WORK INSTRUCTIONS
Of all the lines in the entries below, give again exactly those starting at the line containing "#139=IFCINDEXEDPOLYGONALFACE((29,31,67,65));" and ending at the line containing "#144=IFCINDEXEDPOLYGONALFACE((35,71,72,36));", both ends included, and no others.

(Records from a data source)
● ● ● ● ●

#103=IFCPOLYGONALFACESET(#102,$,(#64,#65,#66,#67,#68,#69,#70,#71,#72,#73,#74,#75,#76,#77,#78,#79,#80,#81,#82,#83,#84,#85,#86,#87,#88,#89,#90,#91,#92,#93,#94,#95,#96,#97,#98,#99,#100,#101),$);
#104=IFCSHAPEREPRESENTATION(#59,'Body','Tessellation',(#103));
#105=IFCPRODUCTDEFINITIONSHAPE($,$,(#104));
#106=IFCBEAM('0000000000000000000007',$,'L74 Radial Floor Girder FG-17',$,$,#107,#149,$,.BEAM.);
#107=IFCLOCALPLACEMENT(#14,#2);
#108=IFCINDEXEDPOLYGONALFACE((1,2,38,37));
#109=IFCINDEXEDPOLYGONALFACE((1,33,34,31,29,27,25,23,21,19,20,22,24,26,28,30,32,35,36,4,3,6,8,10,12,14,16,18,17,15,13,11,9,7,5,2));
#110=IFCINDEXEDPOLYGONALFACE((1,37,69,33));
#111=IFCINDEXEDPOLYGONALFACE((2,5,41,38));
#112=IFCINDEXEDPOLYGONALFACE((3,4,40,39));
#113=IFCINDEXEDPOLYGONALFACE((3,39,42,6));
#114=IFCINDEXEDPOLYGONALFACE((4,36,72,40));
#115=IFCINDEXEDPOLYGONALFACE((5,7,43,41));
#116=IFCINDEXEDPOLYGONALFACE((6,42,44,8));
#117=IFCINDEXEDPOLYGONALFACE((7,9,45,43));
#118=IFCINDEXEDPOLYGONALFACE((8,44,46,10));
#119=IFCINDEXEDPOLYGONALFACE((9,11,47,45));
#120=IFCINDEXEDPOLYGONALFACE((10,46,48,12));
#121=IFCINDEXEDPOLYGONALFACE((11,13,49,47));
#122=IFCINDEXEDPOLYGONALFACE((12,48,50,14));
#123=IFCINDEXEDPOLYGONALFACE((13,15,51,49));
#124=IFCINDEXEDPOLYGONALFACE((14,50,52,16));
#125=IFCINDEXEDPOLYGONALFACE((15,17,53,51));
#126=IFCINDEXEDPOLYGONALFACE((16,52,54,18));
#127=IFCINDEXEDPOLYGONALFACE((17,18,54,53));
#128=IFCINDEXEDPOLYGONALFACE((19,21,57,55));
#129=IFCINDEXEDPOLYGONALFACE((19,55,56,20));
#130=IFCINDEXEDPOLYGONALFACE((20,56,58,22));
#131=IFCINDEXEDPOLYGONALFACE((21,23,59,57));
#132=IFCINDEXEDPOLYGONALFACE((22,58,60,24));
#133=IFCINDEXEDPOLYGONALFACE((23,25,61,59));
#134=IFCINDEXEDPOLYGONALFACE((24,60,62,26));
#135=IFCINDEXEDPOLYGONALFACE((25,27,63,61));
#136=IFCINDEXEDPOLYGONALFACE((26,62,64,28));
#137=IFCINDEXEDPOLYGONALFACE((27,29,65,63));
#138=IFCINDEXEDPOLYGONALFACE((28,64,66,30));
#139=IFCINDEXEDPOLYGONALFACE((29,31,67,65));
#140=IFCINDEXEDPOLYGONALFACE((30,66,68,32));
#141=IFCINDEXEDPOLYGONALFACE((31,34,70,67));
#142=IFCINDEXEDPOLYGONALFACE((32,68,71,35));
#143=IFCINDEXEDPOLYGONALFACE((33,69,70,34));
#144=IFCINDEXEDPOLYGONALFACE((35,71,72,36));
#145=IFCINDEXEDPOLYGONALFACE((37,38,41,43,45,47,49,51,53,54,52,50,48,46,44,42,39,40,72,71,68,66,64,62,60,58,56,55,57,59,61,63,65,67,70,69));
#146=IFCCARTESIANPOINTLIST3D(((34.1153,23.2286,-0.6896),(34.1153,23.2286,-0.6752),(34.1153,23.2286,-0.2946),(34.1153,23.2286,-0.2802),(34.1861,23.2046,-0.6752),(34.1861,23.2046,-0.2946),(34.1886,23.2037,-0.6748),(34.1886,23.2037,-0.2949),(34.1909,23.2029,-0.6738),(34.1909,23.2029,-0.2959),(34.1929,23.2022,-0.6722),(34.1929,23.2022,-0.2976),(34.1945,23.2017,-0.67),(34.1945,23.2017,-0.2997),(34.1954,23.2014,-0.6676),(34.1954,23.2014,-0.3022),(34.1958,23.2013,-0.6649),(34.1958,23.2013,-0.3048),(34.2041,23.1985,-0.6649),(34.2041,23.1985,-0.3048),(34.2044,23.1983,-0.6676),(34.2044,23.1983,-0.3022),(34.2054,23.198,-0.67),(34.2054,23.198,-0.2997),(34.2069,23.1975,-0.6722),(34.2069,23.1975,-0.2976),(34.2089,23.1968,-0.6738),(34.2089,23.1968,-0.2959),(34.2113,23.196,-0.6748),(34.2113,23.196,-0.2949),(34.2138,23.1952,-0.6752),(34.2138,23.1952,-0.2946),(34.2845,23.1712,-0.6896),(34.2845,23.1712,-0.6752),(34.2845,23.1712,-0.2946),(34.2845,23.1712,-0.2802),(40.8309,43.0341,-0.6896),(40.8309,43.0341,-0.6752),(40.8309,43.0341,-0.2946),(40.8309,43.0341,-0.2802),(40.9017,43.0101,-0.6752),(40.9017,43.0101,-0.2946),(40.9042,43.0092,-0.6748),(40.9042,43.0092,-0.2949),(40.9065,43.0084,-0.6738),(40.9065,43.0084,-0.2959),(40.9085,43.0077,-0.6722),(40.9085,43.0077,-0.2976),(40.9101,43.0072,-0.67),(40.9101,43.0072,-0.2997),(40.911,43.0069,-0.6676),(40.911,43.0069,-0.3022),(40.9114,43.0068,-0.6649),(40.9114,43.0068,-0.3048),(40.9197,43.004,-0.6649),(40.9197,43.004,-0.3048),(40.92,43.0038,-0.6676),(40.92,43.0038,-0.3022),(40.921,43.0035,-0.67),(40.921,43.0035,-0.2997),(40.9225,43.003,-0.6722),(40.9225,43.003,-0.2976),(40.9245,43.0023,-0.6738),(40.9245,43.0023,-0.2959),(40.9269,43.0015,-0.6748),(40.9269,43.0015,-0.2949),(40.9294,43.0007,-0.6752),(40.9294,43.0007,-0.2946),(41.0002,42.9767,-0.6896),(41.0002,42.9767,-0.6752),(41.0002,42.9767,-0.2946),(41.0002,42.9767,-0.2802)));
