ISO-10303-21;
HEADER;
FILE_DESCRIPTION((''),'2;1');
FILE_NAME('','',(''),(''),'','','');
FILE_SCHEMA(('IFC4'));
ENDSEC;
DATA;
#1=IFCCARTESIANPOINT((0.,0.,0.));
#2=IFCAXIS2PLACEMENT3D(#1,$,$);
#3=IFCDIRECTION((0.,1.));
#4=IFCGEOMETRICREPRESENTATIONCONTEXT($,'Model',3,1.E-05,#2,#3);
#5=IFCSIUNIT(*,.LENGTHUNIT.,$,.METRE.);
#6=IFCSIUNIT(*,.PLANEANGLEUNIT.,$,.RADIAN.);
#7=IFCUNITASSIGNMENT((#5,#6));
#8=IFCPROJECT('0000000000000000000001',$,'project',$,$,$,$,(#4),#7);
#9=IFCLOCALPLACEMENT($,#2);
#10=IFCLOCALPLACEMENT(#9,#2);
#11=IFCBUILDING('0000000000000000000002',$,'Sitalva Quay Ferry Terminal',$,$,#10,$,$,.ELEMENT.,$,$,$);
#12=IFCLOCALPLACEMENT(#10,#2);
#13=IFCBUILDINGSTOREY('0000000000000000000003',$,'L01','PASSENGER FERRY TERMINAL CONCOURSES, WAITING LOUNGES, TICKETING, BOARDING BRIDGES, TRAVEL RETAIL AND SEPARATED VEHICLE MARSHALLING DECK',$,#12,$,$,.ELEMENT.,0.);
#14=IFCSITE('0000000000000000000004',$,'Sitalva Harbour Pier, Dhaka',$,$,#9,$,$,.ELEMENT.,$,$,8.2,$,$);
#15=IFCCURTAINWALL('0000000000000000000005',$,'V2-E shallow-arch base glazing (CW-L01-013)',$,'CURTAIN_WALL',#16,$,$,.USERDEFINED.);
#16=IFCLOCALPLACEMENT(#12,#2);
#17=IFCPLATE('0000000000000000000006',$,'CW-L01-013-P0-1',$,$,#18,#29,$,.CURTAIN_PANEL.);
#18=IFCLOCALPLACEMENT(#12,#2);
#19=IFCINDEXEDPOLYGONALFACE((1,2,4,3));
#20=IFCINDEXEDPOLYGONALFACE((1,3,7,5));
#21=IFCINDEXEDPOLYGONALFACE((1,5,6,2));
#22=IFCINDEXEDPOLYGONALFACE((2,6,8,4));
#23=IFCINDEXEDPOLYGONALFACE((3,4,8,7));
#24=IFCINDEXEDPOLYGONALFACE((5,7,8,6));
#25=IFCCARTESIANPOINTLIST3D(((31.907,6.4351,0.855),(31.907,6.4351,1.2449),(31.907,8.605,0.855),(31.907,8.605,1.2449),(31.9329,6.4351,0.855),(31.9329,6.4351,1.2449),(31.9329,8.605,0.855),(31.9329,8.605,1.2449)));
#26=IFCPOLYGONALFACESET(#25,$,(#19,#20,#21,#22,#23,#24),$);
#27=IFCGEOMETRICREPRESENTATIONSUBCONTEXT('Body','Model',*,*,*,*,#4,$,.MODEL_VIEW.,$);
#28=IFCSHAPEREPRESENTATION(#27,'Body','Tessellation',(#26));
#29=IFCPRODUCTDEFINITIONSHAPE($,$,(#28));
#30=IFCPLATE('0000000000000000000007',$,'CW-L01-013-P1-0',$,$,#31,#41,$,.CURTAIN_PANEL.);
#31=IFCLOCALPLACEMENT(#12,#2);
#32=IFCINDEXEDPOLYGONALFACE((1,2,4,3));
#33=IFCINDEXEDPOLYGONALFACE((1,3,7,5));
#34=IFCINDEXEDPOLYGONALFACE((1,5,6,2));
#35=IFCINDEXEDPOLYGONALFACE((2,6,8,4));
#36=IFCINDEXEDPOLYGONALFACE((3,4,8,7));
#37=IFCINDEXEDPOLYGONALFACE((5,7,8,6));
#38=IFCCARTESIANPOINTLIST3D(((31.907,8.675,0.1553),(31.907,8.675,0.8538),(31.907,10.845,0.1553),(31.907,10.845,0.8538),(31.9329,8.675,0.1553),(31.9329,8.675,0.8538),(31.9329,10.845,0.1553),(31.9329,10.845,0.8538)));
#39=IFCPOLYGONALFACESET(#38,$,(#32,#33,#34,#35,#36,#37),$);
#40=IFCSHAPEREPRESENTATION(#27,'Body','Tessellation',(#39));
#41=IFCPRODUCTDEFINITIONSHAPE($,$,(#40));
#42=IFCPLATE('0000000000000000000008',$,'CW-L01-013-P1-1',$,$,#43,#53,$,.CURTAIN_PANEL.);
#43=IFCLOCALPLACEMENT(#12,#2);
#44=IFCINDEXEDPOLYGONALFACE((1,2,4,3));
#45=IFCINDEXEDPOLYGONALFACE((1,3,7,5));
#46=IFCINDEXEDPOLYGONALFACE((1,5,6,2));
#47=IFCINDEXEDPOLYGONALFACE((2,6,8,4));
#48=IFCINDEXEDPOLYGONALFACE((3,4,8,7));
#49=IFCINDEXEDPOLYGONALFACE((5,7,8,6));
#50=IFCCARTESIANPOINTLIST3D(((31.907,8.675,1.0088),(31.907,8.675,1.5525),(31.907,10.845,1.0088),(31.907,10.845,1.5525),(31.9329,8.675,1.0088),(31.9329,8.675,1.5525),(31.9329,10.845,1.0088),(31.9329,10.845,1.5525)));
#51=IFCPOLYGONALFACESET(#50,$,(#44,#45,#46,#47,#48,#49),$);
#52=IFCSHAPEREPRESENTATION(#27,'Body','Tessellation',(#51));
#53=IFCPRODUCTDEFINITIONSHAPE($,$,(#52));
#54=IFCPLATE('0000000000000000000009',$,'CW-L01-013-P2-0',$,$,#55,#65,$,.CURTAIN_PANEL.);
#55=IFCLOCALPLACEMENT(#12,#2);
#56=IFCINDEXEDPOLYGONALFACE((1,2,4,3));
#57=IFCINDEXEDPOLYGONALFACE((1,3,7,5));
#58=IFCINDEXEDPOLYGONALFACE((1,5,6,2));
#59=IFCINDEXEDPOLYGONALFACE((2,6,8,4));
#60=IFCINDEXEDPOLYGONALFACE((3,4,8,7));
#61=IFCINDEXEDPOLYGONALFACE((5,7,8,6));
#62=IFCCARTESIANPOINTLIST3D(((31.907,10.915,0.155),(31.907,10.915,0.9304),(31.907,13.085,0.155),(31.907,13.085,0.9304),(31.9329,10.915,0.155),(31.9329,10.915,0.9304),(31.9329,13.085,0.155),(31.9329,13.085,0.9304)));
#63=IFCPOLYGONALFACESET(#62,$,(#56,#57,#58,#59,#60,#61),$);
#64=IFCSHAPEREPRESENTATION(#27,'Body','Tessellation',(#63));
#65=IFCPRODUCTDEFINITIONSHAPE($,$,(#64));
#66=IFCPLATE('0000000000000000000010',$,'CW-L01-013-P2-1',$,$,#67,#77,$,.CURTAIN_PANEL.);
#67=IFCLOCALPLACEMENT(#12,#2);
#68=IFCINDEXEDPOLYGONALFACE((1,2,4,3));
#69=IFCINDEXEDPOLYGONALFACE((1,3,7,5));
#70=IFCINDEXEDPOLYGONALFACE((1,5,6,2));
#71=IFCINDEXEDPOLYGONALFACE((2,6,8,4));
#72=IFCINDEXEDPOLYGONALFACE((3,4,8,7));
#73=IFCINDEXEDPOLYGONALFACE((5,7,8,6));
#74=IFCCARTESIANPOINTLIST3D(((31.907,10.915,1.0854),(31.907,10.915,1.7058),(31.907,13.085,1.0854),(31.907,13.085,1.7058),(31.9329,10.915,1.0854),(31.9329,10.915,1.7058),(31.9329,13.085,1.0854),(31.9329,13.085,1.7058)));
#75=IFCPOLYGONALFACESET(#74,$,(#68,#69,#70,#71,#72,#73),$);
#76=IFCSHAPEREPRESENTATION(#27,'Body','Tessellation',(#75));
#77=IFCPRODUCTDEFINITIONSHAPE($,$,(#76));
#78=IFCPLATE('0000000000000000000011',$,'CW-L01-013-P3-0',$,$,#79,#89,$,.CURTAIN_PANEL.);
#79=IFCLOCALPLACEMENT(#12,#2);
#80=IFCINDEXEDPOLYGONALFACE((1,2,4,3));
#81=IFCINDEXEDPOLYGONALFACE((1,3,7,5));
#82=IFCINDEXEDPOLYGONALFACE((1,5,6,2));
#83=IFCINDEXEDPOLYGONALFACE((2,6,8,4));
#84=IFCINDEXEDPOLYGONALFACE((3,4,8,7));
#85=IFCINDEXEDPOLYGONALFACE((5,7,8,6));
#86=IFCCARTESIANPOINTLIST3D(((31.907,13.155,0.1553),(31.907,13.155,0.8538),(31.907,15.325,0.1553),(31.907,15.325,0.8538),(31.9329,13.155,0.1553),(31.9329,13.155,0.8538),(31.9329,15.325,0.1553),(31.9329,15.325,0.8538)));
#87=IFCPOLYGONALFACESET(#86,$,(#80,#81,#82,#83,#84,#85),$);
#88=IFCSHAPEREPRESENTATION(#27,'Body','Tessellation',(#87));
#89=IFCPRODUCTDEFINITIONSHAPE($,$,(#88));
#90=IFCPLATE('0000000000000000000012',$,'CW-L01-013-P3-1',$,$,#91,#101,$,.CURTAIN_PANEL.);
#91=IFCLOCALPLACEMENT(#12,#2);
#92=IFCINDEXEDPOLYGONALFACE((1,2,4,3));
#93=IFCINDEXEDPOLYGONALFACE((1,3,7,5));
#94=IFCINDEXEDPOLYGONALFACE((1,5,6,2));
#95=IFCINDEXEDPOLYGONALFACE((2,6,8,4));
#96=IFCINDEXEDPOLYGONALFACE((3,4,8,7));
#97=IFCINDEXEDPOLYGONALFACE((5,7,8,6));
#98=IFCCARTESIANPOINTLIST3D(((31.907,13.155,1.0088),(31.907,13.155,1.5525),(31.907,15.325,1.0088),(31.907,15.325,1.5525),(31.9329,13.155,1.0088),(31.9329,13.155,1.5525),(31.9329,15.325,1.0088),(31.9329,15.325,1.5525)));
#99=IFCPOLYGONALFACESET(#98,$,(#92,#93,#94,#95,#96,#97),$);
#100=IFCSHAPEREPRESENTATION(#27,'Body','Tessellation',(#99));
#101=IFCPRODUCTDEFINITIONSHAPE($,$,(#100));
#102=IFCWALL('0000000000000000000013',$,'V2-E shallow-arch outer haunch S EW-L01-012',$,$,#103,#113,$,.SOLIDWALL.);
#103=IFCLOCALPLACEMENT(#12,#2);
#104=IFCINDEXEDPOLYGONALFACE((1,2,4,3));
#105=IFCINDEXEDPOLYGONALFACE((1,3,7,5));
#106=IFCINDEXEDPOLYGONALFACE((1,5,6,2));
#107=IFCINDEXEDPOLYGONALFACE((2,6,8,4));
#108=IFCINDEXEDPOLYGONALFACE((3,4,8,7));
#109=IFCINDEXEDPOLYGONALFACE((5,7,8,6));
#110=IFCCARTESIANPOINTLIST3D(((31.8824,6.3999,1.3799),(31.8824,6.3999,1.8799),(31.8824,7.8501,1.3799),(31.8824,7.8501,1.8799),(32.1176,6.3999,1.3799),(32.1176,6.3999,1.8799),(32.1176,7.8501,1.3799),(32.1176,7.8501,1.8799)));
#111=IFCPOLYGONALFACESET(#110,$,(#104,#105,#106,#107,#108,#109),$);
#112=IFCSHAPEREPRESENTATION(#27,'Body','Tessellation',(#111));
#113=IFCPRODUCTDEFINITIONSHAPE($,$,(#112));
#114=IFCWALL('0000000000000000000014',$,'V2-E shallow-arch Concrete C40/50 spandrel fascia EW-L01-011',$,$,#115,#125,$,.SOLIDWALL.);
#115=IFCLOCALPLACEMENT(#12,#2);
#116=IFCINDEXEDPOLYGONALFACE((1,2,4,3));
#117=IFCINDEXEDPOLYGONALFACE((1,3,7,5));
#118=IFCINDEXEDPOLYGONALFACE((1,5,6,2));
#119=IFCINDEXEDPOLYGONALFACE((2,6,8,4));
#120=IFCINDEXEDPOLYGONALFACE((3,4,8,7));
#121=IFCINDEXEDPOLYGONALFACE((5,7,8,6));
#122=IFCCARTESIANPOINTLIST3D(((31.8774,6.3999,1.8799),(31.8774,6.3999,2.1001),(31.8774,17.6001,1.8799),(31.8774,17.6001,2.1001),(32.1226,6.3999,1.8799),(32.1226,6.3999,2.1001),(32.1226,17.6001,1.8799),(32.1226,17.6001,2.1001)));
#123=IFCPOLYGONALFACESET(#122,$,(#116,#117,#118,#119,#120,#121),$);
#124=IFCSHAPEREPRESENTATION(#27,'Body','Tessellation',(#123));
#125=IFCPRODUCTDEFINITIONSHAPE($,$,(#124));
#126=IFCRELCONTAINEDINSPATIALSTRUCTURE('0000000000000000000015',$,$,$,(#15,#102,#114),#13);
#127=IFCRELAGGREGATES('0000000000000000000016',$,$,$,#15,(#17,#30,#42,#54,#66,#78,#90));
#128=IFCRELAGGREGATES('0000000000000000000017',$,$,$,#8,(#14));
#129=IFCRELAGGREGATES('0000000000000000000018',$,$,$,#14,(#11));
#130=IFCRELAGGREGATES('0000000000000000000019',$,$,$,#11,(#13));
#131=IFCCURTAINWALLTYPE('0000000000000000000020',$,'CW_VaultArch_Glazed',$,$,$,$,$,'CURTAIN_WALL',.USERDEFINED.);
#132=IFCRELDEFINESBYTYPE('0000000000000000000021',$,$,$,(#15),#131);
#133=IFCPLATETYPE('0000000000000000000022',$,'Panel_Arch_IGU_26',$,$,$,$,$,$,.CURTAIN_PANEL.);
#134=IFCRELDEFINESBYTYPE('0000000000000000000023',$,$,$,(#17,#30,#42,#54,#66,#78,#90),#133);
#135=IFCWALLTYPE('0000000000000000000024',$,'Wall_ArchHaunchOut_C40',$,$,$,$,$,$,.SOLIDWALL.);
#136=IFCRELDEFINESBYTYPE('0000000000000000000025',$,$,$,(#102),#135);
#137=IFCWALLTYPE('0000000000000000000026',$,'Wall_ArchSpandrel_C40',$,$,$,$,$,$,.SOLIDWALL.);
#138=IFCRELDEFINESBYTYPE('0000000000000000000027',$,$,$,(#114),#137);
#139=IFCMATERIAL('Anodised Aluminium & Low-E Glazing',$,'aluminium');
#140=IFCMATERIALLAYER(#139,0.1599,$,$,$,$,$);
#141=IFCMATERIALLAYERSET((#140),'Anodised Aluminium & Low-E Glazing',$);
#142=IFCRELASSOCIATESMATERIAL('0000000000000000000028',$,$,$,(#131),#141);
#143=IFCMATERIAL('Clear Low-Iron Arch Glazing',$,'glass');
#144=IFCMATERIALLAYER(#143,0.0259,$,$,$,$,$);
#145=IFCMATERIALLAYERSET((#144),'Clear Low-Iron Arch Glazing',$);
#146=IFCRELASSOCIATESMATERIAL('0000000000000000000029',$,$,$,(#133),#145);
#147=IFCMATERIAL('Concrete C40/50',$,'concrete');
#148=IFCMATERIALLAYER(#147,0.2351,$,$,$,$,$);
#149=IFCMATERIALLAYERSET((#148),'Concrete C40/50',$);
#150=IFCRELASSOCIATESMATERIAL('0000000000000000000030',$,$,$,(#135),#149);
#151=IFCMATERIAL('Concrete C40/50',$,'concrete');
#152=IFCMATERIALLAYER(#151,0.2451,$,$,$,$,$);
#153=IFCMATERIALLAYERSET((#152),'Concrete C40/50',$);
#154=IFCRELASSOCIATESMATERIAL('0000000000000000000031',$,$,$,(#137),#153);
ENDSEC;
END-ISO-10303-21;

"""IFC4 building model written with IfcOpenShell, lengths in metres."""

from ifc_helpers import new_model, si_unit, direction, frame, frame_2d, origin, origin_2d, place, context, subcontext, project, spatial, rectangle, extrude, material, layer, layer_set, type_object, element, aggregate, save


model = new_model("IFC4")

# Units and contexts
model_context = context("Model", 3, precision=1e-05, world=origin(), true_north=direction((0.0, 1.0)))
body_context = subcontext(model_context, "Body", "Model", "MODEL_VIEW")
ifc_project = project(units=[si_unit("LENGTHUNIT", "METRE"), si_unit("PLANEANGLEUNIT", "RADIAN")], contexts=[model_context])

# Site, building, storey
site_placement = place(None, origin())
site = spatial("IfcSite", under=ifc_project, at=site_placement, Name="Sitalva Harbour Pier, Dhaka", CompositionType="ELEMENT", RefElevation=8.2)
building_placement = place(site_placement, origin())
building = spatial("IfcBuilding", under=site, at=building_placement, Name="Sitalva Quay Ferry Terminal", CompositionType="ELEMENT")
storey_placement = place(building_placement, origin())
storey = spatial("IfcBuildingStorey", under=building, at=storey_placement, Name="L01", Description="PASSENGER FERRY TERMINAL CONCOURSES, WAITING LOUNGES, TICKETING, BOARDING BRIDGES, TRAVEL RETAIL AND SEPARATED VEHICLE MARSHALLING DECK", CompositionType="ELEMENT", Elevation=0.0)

● ● ● ● ●

PROBLEM SOLUTION
#139=IFCINDEXEDPOLYGONALFACE((29,31,67,65));
#140=IFCINDEXEDPOLYGONALFACE((30,66,68,32));
#141=IFCINDEXEDPOLYGONALFACE((31,34,70,67));
#142=IFCINDEXEDPOLYGONALFACE((32,68,71,35));
#143=IFCINDEXEDPOLYGONALFACE((33,69,70,34));
#144=IFCINDEXEDPOLYGONALFACE((35,71,72,36));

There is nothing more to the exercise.